__Task__: Among the entries below, find the lines that hold the word "IFCPOLYGONALFACESET" and report them.

Stored data entries:
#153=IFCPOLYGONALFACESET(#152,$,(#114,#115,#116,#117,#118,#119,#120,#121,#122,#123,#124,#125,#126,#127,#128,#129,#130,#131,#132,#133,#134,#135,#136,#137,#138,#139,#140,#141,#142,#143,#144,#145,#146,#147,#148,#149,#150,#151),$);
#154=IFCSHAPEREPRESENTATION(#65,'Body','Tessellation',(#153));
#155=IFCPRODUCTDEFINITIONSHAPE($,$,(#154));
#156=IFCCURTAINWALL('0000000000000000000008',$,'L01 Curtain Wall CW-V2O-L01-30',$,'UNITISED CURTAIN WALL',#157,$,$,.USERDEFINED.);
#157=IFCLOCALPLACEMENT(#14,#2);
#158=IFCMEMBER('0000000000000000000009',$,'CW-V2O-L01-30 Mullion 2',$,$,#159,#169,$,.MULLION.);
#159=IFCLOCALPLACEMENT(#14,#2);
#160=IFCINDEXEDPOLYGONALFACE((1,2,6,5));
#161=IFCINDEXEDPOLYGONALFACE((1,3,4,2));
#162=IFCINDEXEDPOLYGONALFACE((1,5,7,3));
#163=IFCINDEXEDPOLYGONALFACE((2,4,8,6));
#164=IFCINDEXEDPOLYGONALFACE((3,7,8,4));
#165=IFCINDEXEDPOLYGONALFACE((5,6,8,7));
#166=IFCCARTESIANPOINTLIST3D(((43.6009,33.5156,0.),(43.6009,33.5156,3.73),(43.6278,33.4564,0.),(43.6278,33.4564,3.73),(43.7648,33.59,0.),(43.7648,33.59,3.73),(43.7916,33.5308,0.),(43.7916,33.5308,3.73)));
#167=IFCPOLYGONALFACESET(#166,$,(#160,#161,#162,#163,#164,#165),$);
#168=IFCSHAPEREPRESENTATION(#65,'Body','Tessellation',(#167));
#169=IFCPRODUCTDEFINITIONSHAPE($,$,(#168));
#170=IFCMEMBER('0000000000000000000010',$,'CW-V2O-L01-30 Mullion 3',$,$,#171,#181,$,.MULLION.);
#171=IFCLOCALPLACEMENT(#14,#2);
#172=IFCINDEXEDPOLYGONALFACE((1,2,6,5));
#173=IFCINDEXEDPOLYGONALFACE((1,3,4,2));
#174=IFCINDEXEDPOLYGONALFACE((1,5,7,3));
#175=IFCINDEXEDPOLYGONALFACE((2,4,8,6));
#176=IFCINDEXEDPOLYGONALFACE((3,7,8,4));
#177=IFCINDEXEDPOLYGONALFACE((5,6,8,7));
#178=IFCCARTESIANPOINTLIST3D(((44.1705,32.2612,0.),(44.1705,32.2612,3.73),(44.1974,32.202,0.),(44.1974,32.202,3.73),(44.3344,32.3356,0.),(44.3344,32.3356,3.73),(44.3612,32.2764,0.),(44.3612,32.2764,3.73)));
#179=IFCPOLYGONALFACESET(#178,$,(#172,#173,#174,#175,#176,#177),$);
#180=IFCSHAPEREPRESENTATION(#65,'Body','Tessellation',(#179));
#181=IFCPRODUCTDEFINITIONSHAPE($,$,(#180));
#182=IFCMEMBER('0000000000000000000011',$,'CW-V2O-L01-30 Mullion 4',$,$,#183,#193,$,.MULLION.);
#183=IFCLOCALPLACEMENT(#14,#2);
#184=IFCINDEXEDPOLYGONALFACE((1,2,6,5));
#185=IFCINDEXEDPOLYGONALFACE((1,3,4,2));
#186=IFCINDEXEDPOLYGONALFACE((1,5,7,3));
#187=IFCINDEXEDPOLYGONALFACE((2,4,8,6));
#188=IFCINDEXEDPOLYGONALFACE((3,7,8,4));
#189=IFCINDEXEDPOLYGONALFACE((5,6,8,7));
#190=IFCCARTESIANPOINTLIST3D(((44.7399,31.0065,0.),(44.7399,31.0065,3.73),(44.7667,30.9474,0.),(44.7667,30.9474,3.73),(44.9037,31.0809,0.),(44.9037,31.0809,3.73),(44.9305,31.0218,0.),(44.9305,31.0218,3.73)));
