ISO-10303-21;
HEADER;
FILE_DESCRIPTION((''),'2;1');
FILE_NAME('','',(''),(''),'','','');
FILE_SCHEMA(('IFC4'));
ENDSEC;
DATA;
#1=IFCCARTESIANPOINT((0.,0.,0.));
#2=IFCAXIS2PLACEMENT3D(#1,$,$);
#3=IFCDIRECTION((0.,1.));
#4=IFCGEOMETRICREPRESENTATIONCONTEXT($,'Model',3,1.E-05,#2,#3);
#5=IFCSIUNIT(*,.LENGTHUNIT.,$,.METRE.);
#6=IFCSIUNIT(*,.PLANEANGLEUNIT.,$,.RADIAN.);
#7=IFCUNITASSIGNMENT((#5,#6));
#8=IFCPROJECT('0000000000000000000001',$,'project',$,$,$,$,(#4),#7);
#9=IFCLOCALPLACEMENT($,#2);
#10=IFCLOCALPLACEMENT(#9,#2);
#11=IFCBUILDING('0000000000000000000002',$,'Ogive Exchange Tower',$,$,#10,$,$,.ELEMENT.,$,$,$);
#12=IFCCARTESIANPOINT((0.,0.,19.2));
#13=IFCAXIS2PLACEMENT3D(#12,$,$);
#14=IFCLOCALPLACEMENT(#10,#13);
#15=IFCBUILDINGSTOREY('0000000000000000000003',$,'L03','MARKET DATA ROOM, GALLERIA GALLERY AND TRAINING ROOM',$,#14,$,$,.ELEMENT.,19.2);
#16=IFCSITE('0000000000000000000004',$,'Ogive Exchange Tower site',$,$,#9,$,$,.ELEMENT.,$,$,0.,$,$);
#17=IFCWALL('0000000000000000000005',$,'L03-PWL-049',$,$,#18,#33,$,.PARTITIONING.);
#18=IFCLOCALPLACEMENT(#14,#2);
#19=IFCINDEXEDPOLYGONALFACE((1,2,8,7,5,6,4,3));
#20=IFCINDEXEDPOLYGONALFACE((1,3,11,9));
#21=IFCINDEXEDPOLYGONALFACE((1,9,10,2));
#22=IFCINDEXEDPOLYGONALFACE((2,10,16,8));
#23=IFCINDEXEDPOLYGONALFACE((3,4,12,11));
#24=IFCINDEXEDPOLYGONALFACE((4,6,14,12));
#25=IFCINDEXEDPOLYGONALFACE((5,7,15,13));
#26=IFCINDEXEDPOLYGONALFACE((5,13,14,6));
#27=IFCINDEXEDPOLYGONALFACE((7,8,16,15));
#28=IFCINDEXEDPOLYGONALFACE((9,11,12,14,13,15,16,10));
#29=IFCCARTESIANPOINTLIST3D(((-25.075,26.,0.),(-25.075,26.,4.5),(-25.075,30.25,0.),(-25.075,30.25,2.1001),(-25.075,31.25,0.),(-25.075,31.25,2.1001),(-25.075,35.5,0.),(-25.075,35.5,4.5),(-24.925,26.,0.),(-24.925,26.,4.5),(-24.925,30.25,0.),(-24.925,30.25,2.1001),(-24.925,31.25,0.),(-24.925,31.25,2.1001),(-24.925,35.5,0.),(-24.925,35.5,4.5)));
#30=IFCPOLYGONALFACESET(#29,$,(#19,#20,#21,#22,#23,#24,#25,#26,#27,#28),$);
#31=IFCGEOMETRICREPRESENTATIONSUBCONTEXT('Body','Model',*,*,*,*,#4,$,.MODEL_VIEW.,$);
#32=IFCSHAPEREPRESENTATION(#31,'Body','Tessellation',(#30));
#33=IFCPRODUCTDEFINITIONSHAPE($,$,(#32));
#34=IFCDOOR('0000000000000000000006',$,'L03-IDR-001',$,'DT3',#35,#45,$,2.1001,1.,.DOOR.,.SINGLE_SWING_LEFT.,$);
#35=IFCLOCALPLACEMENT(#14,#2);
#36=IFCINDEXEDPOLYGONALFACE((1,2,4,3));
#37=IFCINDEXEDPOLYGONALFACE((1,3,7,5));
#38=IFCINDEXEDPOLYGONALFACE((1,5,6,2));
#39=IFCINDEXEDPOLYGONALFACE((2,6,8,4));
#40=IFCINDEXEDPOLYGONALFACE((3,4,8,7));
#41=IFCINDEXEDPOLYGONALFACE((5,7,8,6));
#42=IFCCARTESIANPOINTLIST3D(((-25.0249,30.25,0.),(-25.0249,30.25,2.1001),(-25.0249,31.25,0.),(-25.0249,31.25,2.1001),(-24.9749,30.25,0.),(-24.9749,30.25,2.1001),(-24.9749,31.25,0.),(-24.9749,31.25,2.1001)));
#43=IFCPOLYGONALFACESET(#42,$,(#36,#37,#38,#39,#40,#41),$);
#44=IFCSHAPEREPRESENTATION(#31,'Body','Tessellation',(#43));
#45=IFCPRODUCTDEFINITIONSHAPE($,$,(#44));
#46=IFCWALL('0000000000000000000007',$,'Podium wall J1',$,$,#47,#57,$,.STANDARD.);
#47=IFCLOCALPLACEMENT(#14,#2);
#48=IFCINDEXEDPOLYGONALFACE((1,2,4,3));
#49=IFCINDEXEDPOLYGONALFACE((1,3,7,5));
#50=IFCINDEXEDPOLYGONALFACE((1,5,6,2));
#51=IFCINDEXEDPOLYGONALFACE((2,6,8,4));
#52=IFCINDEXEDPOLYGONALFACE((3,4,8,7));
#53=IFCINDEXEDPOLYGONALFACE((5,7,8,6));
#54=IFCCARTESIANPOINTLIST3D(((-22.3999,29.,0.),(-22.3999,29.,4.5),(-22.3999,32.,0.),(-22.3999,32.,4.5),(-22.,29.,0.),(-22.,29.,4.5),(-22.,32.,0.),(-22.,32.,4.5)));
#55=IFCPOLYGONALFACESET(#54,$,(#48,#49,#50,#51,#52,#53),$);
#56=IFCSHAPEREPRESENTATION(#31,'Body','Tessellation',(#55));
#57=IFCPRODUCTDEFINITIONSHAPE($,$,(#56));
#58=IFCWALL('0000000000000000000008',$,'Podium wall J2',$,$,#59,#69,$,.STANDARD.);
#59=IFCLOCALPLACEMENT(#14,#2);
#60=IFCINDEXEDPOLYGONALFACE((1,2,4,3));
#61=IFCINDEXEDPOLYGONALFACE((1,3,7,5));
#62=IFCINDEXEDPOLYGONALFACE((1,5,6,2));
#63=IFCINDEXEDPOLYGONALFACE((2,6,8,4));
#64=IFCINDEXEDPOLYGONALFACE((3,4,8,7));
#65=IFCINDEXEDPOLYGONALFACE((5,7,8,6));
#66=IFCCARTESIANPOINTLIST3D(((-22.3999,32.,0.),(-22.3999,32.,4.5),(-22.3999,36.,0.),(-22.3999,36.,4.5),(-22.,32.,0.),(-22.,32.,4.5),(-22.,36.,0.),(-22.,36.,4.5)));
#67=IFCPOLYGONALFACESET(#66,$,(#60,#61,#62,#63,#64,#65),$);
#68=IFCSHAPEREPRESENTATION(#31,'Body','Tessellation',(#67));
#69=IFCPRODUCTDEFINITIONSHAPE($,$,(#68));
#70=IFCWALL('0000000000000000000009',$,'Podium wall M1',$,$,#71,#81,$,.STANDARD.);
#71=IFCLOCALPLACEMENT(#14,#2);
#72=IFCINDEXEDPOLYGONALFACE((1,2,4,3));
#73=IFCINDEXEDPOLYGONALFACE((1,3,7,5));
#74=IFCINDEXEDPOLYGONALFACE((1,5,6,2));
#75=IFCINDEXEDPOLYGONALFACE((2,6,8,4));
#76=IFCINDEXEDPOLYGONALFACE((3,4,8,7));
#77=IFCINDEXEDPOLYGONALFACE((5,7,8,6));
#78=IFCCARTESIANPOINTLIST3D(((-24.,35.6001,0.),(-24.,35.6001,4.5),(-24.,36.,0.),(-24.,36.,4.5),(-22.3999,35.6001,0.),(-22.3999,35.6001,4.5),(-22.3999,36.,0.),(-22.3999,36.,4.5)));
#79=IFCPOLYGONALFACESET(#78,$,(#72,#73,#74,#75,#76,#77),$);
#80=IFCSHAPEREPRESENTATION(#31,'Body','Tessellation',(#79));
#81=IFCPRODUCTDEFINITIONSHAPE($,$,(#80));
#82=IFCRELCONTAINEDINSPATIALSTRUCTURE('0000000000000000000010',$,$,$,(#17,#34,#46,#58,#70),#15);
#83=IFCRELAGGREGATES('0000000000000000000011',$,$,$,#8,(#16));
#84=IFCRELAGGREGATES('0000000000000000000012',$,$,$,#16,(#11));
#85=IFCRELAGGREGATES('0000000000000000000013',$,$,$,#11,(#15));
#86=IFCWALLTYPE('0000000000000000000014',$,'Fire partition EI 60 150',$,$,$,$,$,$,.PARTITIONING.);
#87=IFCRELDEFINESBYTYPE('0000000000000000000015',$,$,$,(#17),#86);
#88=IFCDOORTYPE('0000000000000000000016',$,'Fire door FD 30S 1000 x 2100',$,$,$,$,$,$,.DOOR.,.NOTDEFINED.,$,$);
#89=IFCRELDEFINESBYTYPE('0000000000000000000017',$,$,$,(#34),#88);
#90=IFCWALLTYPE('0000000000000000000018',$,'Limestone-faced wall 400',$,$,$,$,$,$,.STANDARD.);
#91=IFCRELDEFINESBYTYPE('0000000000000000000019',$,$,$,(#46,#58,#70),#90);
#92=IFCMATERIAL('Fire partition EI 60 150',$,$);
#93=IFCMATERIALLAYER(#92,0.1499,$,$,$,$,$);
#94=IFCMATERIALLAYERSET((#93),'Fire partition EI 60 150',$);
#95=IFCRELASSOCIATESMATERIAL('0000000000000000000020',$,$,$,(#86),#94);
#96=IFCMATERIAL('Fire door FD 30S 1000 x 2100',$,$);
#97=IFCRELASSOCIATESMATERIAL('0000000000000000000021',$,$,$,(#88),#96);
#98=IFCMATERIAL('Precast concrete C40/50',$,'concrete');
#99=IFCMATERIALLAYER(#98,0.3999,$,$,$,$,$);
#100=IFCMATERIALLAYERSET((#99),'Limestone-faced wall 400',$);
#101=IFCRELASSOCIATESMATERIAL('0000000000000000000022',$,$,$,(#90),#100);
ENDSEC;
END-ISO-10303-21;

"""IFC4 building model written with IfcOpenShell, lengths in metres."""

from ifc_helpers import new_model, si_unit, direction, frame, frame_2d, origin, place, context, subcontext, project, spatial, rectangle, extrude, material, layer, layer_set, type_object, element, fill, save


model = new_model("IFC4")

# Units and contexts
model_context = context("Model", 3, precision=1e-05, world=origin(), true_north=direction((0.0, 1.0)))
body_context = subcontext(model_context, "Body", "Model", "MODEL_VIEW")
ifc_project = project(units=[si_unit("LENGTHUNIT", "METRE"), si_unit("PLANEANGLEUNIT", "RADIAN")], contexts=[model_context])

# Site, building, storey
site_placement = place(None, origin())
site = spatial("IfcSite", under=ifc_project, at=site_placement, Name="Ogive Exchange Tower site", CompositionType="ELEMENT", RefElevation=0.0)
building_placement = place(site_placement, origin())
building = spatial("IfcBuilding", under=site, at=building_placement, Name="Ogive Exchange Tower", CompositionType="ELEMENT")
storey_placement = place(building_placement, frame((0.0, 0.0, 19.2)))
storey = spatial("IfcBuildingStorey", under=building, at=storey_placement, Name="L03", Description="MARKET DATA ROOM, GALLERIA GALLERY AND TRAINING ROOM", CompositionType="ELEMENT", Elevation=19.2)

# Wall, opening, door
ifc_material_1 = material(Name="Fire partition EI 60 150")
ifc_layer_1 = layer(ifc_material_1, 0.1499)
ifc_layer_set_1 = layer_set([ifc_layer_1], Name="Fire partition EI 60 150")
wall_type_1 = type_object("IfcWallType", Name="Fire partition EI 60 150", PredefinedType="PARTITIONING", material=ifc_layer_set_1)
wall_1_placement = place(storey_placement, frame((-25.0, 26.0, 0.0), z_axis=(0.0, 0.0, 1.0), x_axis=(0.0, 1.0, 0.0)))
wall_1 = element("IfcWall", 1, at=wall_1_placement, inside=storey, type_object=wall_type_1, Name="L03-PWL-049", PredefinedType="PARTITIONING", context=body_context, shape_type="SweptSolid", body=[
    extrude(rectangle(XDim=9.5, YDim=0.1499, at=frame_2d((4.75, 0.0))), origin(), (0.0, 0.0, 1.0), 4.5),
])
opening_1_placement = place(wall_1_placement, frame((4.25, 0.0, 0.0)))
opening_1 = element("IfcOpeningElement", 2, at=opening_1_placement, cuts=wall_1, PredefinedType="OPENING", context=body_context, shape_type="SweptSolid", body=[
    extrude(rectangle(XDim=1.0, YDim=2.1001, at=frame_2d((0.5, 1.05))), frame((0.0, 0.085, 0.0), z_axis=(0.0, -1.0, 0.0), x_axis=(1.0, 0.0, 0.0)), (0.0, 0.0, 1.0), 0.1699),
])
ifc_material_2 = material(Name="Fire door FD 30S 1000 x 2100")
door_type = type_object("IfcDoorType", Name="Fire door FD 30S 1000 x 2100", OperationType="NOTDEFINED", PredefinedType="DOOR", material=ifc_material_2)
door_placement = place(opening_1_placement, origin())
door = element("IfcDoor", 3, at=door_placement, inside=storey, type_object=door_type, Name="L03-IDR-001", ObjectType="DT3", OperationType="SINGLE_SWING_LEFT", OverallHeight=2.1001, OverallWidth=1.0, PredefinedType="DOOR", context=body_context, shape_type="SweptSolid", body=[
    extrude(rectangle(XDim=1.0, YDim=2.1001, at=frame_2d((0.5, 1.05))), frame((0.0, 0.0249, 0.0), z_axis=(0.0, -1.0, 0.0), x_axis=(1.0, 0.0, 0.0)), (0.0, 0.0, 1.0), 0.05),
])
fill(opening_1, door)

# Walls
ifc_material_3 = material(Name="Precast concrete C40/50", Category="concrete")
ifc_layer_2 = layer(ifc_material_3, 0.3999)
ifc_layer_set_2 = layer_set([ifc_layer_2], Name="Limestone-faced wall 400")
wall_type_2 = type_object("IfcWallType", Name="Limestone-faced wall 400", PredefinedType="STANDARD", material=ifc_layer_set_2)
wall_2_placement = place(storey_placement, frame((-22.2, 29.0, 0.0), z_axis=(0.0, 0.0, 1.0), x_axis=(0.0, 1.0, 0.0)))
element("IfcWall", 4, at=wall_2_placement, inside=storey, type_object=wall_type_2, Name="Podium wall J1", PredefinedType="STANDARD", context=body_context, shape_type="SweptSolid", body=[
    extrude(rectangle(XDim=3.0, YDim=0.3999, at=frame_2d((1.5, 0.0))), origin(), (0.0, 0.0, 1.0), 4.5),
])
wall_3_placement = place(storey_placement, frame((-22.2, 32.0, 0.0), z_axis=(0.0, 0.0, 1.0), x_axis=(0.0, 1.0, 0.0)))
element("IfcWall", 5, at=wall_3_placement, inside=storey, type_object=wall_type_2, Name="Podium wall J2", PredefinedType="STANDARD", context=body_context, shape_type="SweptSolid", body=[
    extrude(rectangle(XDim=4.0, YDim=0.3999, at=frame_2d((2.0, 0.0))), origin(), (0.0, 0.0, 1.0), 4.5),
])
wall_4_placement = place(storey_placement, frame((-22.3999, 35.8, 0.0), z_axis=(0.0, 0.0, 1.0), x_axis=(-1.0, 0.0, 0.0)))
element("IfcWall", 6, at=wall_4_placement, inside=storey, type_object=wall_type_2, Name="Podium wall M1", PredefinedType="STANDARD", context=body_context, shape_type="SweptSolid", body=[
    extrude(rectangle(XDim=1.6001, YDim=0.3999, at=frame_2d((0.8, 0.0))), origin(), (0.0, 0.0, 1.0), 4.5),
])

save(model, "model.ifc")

__Result of this task__:
#153=IFCPOLYGONALFACESET(#152,$,(#114,#115,#116,#117,#118,#119,#120,#121,#122,#123,#124,#125,#126,#127,#128,#129,#130,#131,#132,#133,#134,#135,#136,#137,#138,#139,#140,#141,#142,#143,#144,#145,#146,#147,#148,#149,#150,#151),$);
#167=IFCPOLYGONALFACESET(#166,$,(#160,#161,#162,#163,#164,#165),$);
#179=IFCPOLYGONALFACESET(#178,$,(#172,#173,#174,#175,#176,#177),$);
#30=IFCPOLYGONALFACESET(#29,$,(#19,#20,#21,#22,#23,#24,#25,#26,#27,#28),$);
#43=IFCPOLYGONALFACESET(#42,$,(#36,#37,#38,#39,#40,#41),$);
#55=IFCPOLYGONALFACESET(#54,$,(#48,#49,#50,#51,#52,#53),$);
#67=IFCPOLYGONALFACESET(#66,$,(#60,#61,#62,#63,#64,#65),$);
#79=IFCPOLYGONALFACESET(#78,$,(#72,#73,#74,#75,#76,#77),$);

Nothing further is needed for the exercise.